*** Opening of EXTRACTED RECORDS ***

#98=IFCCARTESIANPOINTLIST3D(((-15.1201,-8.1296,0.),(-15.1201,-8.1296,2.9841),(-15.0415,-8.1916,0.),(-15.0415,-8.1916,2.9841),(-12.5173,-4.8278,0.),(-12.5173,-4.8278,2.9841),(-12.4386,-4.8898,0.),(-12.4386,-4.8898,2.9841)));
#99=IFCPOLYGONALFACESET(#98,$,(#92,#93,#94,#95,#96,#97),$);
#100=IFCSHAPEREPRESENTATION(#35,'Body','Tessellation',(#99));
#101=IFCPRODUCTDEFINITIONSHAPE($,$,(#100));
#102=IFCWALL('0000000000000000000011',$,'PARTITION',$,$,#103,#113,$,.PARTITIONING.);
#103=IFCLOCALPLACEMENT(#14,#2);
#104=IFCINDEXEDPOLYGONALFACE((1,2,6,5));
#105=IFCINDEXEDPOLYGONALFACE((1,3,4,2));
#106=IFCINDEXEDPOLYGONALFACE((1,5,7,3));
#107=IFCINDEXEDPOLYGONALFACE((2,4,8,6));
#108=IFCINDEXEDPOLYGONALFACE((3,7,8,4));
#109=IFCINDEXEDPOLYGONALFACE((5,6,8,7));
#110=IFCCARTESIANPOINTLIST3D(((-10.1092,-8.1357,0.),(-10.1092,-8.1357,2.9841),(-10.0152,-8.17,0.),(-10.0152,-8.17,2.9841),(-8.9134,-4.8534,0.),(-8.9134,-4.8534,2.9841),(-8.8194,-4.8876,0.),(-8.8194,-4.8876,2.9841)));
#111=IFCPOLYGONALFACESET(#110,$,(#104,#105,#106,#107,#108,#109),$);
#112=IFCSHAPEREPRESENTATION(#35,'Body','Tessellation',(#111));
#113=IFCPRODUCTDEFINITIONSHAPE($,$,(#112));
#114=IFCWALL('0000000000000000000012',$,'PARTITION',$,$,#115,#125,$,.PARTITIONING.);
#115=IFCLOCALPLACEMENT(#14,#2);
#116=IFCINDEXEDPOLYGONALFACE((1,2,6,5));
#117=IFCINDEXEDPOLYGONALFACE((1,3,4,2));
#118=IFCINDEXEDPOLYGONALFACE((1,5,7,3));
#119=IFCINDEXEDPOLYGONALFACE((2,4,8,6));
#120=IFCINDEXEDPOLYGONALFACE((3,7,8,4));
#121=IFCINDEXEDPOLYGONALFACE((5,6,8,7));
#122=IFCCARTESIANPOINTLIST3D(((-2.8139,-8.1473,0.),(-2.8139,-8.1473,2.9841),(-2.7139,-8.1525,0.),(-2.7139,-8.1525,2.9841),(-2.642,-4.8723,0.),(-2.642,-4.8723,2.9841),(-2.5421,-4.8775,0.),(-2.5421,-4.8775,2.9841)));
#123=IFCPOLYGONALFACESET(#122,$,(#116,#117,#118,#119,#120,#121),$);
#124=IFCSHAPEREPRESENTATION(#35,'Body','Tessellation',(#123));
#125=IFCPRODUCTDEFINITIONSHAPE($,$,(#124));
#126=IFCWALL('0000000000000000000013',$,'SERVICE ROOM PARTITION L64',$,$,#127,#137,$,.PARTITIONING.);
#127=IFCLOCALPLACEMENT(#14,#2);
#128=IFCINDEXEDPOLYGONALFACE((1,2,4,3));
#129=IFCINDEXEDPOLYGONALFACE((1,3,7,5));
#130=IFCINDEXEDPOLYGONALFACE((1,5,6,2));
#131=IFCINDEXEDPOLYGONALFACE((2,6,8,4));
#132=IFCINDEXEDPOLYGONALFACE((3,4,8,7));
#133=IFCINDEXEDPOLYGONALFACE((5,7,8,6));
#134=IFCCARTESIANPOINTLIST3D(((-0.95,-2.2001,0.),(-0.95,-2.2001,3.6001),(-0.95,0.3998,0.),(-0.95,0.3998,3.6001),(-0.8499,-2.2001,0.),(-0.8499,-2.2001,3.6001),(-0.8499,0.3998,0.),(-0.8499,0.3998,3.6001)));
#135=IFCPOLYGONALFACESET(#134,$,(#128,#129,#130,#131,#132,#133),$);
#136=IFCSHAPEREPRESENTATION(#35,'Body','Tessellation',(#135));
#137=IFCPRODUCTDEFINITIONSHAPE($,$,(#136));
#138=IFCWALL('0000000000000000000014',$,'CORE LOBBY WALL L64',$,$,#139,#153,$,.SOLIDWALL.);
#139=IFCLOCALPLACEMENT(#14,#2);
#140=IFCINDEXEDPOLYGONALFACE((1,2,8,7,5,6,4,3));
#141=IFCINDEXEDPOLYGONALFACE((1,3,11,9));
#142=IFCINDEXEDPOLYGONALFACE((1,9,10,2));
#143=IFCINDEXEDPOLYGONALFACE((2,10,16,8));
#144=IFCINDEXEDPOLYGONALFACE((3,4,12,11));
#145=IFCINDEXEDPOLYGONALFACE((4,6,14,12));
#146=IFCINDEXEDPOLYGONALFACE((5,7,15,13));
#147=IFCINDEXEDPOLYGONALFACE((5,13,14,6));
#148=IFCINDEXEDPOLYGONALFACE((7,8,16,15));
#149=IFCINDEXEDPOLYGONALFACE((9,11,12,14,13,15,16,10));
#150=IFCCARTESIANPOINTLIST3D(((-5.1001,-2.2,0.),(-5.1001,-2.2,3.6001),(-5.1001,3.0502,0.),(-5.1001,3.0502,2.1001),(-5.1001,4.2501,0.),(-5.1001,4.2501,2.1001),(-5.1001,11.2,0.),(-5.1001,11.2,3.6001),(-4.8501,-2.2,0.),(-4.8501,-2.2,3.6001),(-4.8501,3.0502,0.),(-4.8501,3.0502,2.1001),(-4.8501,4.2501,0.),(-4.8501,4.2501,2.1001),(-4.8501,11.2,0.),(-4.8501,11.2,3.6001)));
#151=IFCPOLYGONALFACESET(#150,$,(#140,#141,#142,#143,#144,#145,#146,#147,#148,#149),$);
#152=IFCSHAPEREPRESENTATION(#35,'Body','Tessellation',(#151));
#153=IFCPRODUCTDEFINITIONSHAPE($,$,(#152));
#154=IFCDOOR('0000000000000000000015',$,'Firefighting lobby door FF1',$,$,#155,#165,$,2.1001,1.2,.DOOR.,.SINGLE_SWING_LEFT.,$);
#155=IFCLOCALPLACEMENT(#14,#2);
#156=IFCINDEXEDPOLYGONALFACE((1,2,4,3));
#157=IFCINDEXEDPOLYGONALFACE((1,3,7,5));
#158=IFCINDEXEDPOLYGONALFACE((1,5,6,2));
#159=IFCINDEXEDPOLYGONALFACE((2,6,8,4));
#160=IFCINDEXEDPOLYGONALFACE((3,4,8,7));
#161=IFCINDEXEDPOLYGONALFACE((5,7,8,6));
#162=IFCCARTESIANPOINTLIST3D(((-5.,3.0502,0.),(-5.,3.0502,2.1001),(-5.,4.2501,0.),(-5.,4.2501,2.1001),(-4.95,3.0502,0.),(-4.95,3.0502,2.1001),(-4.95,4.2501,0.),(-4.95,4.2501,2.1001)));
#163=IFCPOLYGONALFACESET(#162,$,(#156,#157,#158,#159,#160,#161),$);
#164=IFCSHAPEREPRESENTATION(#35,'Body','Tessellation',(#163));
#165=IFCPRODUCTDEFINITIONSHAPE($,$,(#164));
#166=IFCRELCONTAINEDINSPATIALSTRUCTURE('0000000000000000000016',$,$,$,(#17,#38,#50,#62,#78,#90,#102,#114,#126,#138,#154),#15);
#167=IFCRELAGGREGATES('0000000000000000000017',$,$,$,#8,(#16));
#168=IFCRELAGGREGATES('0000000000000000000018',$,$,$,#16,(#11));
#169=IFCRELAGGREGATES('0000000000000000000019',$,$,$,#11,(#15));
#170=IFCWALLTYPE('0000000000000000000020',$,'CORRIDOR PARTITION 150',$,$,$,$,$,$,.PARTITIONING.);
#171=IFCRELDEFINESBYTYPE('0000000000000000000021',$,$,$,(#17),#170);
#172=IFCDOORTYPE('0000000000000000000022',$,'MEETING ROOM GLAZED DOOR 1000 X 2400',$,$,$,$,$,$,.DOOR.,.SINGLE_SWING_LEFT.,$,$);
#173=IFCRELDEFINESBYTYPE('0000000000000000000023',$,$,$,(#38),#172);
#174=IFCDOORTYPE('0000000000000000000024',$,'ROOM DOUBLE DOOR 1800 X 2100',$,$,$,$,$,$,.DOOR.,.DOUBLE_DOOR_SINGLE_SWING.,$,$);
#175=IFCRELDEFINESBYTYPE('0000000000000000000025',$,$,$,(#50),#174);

*** Close of EXTRACTED RECORDS ***

DIRECTIONS FOR THIS TASK:
In the listing above, find the line with "#103=IFCLOCALPLACEMENT(#14,#2);" and the line with "#109=IFCINDEXEDPOLYGONALFACE((5,6,8,7));". Output those two lines and every line between them, exactly as written.

RESPONSE:
#103=IFCLOCALPLACEMENT(#14,#2);
#104=IFCINDEXEDPOLYGONALFACE((1,2,6,5));
#105=IFCINDEXEDPOLYGONALFACE((1,3,4,2));
#106=IFCINDEXEDPOLYGONALFACE((1,5,7,3));
#107=IFCINDEXEDPOLYGONALFACE((2,4,8,6));
#108=IFCINDEXEDPOLYGONALFACE((3,7,8,4));
#109=IFCINDEXEDPOLYGONALFACE((5,6,8,7));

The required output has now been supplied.